(Material supplied)

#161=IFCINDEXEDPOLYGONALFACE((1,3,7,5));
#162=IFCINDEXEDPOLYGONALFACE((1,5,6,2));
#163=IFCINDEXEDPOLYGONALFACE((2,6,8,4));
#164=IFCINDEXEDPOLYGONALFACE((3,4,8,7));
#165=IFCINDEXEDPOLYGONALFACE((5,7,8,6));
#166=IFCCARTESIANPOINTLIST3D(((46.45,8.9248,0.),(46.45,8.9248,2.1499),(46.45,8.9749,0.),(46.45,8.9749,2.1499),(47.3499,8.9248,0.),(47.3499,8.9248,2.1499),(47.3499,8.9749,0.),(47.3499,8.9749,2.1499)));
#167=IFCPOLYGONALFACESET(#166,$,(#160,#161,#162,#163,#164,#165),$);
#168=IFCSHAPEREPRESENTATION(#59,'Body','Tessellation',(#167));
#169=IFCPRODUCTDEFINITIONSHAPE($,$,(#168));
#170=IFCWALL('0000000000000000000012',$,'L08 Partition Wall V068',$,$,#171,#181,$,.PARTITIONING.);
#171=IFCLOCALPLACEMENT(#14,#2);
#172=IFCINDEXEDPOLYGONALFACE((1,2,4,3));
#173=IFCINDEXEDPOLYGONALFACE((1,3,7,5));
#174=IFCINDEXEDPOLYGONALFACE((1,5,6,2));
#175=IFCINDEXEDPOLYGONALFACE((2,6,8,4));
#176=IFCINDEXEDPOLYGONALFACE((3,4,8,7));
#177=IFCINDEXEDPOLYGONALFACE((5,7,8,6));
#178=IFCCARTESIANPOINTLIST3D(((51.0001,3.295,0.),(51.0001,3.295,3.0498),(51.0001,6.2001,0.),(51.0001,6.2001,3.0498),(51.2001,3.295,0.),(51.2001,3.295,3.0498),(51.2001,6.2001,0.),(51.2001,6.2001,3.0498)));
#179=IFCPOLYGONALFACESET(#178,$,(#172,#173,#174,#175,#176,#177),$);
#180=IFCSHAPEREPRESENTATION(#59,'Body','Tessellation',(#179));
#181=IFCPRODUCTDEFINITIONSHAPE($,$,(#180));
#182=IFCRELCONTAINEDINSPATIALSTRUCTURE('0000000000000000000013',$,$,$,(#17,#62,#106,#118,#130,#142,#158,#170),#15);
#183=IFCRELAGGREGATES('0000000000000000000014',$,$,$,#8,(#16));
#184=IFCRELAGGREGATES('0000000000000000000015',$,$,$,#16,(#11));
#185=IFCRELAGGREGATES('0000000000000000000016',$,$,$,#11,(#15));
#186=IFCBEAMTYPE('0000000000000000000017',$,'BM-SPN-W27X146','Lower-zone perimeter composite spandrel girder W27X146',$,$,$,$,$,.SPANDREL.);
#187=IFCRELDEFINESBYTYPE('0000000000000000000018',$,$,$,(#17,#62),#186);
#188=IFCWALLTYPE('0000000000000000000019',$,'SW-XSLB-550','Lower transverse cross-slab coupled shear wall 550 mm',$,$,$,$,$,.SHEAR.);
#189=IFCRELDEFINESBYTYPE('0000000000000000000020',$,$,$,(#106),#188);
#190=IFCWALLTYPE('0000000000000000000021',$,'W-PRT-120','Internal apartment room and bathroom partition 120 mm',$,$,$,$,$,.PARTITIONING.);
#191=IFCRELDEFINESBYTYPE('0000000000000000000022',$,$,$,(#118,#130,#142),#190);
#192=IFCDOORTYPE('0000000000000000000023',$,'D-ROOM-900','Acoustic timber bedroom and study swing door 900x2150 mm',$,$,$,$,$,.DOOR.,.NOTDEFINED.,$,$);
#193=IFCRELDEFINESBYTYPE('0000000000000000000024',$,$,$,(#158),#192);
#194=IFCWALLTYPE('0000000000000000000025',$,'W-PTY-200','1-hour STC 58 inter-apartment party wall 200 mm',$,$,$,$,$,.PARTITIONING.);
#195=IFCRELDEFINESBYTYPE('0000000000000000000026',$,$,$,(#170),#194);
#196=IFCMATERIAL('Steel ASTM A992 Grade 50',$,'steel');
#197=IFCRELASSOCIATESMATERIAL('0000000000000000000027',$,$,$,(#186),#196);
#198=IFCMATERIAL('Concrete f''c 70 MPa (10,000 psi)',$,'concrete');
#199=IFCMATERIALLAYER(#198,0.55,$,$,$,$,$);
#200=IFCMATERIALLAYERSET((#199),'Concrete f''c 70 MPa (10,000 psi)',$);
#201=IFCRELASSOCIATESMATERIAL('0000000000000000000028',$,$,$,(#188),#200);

(End Material supplied)
(Material supplied)

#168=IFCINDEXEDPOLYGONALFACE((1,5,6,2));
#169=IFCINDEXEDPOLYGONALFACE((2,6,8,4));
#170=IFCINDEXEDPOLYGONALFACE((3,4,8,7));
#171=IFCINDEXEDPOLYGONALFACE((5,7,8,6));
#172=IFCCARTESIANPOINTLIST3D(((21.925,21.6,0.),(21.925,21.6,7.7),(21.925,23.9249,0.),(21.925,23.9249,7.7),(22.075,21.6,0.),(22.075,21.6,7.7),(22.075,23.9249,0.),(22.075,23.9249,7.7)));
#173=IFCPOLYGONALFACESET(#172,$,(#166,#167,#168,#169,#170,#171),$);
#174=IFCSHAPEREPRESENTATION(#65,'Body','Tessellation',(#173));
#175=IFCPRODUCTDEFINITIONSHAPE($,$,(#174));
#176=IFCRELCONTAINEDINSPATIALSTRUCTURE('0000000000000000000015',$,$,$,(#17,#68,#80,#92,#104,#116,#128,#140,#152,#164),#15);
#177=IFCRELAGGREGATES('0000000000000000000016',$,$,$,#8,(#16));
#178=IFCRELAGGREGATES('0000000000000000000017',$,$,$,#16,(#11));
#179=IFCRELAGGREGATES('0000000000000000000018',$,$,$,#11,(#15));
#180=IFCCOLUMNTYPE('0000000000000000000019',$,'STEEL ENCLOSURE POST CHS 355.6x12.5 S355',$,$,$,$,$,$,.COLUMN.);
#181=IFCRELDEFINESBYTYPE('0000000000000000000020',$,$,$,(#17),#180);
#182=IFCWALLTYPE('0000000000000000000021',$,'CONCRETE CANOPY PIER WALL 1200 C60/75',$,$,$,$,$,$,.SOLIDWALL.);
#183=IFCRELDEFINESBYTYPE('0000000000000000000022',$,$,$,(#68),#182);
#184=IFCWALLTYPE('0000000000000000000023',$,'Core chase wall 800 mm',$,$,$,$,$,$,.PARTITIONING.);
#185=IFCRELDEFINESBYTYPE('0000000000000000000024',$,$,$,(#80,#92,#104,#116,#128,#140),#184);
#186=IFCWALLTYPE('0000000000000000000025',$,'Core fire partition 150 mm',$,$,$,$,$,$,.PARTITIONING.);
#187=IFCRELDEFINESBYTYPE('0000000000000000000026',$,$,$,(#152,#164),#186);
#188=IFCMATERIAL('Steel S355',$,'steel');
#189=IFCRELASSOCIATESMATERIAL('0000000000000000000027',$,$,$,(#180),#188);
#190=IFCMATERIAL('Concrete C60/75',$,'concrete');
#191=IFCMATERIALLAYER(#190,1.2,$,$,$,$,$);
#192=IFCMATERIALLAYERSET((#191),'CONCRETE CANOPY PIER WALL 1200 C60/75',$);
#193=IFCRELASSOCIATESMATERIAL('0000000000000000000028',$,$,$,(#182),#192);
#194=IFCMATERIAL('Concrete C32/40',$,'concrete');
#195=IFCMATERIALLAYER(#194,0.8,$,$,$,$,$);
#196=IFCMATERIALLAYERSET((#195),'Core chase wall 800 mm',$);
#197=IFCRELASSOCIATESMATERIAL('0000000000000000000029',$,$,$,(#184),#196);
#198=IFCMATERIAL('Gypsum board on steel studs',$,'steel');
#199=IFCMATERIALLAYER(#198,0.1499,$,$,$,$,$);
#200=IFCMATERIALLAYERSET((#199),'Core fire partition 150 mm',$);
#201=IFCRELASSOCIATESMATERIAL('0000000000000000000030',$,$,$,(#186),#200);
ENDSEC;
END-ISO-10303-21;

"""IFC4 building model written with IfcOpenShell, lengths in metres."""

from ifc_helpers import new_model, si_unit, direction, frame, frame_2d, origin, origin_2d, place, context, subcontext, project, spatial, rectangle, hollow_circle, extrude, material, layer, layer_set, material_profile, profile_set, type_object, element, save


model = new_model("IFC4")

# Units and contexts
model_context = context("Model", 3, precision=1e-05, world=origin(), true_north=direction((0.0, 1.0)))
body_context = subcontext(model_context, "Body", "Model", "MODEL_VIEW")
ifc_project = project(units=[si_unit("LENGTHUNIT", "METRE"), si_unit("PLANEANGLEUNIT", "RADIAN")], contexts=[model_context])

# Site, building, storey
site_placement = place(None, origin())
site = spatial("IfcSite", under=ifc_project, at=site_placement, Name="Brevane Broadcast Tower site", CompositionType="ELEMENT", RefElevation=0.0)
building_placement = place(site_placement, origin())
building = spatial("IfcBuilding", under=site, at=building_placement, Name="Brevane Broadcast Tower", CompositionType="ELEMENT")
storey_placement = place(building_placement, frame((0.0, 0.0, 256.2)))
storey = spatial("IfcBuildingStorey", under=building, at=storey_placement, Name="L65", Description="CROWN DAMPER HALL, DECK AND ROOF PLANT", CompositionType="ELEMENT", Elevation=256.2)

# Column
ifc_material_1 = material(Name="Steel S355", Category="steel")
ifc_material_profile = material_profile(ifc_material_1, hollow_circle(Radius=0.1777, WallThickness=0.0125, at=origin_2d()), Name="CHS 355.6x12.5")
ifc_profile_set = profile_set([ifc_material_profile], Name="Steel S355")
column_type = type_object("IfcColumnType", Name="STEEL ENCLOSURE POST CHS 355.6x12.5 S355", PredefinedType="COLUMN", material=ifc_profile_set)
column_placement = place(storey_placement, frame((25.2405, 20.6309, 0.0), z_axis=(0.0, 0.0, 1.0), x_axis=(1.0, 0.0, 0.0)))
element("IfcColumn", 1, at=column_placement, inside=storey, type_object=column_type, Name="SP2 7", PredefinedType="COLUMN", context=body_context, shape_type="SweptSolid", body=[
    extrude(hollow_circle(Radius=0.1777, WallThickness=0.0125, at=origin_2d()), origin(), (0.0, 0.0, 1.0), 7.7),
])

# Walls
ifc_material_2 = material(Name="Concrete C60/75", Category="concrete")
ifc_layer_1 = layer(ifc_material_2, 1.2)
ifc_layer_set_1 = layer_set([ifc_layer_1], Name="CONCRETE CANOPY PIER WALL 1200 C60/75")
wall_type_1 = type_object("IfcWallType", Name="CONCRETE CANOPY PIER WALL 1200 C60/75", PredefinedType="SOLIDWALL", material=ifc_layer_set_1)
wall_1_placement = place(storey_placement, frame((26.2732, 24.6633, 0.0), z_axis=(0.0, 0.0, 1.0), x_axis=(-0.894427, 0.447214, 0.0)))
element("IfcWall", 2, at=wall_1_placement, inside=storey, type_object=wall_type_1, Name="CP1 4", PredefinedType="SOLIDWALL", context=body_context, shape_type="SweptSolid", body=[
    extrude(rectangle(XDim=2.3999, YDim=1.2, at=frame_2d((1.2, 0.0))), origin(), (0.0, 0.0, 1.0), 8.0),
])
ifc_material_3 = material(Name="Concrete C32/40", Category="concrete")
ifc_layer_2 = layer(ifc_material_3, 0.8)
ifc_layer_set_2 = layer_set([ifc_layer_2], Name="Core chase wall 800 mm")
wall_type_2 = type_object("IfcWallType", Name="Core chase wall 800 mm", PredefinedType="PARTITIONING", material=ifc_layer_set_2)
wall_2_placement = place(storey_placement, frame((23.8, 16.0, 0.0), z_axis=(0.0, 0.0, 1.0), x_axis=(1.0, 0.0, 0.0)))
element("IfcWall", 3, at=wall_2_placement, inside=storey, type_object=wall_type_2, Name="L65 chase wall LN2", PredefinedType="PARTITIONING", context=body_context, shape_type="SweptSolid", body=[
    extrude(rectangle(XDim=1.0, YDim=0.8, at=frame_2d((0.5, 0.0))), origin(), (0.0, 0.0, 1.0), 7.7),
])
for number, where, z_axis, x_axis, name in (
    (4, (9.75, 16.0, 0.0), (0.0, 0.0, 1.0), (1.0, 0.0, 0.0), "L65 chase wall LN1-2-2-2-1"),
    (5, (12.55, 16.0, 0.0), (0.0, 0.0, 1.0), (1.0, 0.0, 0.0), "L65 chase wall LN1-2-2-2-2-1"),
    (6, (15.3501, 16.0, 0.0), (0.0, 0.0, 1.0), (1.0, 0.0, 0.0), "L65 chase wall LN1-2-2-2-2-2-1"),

(End Material supplied)

| Exercise aim |
What lines in the data above contain the word "Brevane"? Show them all.

| Response area |
site = spatial("IfcSite", under=ifc_project, at=site_placement, Name="Brevane Broadcast Tower site", CompositionType="ELEMENT", RefElevation=0.0)
building = spatial("IfcBuilding", under=site, at=building_placement, Name="Brevane Broadcast Tower", CompositionType="ELEMENT")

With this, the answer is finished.